··· Data provided

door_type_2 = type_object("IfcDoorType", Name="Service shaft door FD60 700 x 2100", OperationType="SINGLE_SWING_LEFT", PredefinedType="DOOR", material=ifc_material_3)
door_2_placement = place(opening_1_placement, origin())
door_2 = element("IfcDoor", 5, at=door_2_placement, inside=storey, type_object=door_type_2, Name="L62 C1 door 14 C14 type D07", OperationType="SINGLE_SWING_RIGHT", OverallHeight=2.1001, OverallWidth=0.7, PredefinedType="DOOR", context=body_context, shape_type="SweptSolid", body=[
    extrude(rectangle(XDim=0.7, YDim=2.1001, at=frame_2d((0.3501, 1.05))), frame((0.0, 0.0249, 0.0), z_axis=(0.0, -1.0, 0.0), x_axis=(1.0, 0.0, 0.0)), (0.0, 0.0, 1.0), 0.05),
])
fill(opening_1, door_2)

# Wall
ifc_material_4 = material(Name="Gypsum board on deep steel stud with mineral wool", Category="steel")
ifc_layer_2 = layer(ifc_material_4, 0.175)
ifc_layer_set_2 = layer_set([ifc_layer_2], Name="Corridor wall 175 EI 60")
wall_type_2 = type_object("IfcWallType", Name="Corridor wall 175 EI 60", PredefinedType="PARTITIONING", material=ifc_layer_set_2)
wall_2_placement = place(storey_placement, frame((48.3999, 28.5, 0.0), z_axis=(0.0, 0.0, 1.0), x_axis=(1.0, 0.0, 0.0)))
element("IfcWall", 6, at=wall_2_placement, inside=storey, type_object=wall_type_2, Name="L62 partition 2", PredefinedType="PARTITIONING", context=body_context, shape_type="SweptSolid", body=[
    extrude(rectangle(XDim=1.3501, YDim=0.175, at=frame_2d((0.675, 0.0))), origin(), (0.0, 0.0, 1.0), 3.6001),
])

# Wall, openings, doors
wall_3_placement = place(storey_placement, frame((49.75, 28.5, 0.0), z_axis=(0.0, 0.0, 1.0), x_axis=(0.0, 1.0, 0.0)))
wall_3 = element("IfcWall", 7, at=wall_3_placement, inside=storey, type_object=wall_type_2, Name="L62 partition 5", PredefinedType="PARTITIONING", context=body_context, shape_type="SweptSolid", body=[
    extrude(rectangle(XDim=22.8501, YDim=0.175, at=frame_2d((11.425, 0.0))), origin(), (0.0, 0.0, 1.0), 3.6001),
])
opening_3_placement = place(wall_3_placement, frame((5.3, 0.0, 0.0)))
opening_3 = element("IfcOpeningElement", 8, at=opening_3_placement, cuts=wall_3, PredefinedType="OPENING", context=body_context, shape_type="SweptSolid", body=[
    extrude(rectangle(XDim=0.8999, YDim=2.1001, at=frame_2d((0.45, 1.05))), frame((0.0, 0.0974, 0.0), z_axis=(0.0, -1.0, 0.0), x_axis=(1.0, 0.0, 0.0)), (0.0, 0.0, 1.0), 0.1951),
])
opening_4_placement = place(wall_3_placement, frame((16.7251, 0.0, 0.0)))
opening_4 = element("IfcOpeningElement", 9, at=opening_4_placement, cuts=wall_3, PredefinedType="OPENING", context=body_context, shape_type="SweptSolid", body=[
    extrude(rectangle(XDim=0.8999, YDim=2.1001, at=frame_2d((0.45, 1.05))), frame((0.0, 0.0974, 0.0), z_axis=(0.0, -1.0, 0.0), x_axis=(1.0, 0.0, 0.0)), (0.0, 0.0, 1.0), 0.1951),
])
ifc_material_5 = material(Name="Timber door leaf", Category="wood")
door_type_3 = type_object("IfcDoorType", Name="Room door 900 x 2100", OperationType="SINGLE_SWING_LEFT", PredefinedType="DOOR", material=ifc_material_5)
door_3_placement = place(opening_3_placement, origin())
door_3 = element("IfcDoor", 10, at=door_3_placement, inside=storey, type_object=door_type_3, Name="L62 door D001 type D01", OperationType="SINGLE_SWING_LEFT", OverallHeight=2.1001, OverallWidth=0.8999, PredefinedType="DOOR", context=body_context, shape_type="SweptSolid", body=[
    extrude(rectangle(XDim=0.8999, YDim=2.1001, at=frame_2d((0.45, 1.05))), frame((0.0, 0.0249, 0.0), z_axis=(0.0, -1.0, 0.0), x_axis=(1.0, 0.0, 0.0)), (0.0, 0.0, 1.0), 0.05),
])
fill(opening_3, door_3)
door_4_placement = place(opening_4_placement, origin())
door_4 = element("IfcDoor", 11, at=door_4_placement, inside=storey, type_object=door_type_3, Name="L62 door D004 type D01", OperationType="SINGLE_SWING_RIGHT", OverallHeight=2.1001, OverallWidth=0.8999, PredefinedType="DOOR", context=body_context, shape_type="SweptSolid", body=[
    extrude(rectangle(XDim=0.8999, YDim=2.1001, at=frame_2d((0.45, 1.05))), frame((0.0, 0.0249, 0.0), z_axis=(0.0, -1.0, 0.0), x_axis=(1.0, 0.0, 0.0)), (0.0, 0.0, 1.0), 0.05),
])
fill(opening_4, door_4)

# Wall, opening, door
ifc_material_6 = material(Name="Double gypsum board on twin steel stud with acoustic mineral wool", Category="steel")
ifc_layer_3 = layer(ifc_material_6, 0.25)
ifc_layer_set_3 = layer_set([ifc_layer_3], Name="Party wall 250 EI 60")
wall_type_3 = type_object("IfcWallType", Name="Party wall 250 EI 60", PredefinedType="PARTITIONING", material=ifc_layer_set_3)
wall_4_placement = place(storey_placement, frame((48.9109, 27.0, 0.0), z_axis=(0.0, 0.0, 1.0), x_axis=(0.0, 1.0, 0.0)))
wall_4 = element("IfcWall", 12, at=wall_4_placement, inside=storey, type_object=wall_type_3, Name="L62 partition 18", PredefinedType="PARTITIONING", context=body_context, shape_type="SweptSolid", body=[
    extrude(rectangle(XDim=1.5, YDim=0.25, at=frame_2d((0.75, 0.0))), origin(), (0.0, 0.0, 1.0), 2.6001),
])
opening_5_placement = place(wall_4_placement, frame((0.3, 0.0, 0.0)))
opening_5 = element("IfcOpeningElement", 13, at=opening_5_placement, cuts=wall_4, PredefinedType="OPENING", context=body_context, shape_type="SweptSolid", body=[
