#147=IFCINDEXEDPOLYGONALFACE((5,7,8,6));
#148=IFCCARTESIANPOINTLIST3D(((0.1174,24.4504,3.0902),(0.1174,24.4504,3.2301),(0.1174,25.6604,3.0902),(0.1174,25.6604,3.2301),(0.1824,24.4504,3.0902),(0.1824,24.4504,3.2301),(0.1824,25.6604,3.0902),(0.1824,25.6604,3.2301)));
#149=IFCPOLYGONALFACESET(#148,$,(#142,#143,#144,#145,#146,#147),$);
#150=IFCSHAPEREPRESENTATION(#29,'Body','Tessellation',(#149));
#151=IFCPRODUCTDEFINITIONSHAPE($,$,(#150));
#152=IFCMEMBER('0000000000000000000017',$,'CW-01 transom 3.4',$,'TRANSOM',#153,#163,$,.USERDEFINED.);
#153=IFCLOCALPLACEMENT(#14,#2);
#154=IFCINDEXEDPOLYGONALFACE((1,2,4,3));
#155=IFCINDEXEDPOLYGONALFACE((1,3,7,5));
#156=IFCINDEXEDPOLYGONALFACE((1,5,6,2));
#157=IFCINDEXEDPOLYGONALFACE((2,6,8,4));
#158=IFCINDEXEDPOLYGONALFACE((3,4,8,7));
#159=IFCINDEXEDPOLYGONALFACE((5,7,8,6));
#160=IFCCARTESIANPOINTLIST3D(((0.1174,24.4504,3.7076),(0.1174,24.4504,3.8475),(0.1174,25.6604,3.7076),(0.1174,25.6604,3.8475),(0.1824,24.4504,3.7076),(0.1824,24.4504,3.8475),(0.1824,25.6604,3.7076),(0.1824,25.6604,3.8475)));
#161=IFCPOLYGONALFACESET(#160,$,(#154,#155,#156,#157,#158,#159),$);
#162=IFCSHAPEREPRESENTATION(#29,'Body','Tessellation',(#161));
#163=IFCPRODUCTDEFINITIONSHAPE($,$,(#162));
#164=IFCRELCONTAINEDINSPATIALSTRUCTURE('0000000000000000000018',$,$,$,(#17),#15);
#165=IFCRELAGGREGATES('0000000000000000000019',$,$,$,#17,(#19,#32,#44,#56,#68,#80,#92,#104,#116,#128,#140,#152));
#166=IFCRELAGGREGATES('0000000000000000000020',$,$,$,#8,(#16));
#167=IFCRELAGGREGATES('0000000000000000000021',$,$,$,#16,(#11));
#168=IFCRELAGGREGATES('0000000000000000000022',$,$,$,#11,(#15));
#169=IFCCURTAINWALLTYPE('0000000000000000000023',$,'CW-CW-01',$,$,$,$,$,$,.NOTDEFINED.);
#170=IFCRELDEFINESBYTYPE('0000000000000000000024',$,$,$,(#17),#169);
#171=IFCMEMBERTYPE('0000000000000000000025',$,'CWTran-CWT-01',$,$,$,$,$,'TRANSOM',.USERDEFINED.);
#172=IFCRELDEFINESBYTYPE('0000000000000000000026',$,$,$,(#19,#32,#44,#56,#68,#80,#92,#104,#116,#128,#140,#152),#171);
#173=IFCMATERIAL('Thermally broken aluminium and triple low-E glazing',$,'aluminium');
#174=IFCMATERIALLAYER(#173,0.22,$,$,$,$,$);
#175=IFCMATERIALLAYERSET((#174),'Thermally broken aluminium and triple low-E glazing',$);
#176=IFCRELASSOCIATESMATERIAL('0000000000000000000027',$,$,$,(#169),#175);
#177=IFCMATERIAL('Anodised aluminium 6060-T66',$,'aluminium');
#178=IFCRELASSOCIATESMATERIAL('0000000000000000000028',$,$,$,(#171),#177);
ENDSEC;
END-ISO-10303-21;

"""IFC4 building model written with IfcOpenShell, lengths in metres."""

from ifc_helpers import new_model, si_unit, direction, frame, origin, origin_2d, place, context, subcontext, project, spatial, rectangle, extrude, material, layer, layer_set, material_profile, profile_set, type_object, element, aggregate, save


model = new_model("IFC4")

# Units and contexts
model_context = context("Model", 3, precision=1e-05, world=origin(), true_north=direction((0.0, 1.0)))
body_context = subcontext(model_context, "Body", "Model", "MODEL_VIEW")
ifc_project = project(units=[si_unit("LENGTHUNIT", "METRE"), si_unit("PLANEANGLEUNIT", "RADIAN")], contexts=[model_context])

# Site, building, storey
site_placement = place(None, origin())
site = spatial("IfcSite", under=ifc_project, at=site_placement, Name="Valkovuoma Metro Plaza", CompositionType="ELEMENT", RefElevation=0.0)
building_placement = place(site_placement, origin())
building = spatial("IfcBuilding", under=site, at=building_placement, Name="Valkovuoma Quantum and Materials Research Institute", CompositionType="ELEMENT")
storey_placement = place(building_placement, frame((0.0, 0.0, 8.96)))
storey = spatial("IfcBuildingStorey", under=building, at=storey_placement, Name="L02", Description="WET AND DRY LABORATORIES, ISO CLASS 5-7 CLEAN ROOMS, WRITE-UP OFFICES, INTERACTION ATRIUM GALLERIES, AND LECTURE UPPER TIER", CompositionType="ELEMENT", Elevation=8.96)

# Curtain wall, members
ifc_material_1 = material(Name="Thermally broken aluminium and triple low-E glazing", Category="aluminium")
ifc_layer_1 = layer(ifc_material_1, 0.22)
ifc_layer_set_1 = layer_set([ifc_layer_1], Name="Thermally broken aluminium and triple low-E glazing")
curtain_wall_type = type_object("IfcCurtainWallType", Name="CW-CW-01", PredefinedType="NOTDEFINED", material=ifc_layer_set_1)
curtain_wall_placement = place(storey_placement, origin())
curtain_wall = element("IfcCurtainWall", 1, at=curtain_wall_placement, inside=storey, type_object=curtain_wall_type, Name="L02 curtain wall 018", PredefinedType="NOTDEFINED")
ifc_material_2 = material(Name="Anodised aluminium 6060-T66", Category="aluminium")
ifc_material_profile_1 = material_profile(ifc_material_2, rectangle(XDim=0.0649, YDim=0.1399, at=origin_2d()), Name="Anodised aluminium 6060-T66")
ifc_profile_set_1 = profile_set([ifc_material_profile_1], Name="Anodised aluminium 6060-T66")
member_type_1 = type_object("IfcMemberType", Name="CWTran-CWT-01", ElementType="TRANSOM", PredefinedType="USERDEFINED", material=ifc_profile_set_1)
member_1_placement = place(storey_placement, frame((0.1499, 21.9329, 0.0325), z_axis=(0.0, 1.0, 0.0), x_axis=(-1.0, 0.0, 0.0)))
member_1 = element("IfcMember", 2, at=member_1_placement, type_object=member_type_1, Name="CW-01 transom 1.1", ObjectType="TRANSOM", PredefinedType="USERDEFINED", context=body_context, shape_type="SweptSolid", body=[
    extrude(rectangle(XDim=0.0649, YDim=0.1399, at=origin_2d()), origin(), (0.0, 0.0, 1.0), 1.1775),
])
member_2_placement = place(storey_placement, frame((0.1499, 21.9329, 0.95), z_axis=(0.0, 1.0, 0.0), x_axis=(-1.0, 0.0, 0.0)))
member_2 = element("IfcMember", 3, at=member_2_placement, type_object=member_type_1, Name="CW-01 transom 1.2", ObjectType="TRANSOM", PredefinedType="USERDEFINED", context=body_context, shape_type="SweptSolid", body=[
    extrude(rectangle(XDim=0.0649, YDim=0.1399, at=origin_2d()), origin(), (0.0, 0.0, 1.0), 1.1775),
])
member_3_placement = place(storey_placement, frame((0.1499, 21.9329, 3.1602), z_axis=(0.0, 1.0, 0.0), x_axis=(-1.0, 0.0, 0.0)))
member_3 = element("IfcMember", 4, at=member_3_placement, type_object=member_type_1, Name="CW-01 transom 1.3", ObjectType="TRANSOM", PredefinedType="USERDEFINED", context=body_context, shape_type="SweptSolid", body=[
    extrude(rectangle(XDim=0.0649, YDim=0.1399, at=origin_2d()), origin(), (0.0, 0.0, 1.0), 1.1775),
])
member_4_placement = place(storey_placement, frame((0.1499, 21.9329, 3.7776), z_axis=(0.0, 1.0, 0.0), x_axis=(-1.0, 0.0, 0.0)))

······
··· Data provided

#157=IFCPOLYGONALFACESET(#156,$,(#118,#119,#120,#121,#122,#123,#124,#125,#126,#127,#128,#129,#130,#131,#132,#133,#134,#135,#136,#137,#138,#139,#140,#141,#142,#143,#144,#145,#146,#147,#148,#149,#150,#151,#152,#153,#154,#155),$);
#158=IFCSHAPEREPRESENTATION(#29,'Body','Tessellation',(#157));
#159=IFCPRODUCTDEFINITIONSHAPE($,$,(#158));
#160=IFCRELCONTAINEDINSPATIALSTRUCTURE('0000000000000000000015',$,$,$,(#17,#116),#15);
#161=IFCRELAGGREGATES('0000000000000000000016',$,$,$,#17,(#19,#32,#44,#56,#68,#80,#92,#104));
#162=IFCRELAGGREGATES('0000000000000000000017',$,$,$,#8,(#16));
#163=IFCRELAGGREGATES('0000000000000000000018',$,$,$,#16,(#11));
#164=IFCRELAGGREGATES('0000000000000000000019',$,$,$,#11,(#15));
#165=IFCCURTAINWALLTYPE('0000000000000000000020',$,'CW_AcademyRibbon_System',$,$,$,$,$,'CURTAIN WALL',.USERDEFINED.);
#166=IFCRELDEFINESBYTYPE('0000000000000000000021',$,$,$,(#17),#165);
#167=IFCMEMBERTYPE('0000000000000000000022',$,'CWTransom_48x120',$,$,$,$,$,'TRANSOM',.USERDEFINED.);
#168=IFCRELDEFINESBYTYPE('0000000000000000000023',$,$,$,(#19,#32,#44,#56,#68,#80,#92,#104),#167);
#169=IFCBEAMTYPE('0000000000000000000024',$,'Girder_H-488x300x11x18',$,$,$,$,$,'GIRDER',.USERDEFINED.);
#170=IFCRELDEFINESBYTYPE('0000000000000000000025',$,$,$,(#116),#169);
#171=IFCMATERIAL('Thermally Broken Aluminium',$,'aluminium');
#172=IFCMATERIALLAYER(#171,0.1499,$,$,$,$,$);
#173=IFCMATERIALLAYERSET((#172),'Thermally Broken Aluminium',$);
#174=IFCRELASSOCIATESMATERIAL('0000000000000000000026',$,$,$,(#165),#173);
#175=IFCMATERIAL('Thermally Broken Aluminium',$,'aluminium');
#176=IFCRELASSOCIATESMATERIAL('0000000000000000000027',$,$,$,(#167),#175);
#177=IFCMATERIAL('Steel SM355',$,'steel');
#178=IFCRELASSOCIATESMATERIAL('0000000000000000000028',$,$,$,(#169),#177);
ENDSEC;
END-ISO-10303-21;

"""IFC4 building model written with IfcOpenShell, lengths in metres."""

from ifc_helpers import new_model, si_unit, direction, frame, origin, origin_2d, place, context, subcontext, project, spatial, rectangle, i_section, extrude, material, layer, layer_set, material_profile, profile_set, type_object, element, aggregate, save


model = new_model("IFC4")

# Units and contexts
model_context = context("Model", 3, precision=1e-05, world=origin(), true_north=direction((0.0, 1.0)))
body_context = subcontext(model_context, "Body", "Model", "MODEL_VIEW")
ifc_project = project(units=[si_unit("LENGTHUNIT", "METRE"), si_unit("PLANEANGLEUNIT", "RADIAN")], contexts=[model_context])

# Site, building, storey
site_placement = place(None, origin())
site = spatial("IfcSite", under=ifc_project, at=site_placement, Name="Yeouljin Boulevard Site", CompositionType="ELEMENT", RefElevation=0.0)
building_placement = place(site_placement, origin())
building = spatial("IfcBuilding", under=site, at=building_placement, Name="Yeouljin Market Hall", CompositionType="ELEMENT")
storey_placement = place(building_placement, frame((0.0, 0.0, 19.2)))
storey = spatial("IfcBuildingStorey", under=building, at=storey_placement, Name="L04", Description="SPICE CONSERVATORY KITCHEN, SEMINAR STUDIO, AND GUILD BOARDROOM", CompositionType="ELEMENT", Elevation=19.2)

······

▸ **Exercise details**
Extract the lines of the preceding material that run from the line with "#173=IFCMATERIALLAYERSET((#172),'Thermally Broken Aluminium',$);" through the line with "#175=IFCMATERIAL('Thermally Broken Aluminium',$,'aluminium');", inclusive, reproducing them exactly and adding nothing.

▸ **Exercise answer**
#173=IFCMATERIALLAYERSET((#172),'Thermally Broken Aluminium',$);
#174=IFCRELASSOCIATESMATERIAL('0000000000000000000026',$,$,$,(#165),#173);
#175=IFCMATERIAL('Thermally Broken Aluminium',$,'aluminium');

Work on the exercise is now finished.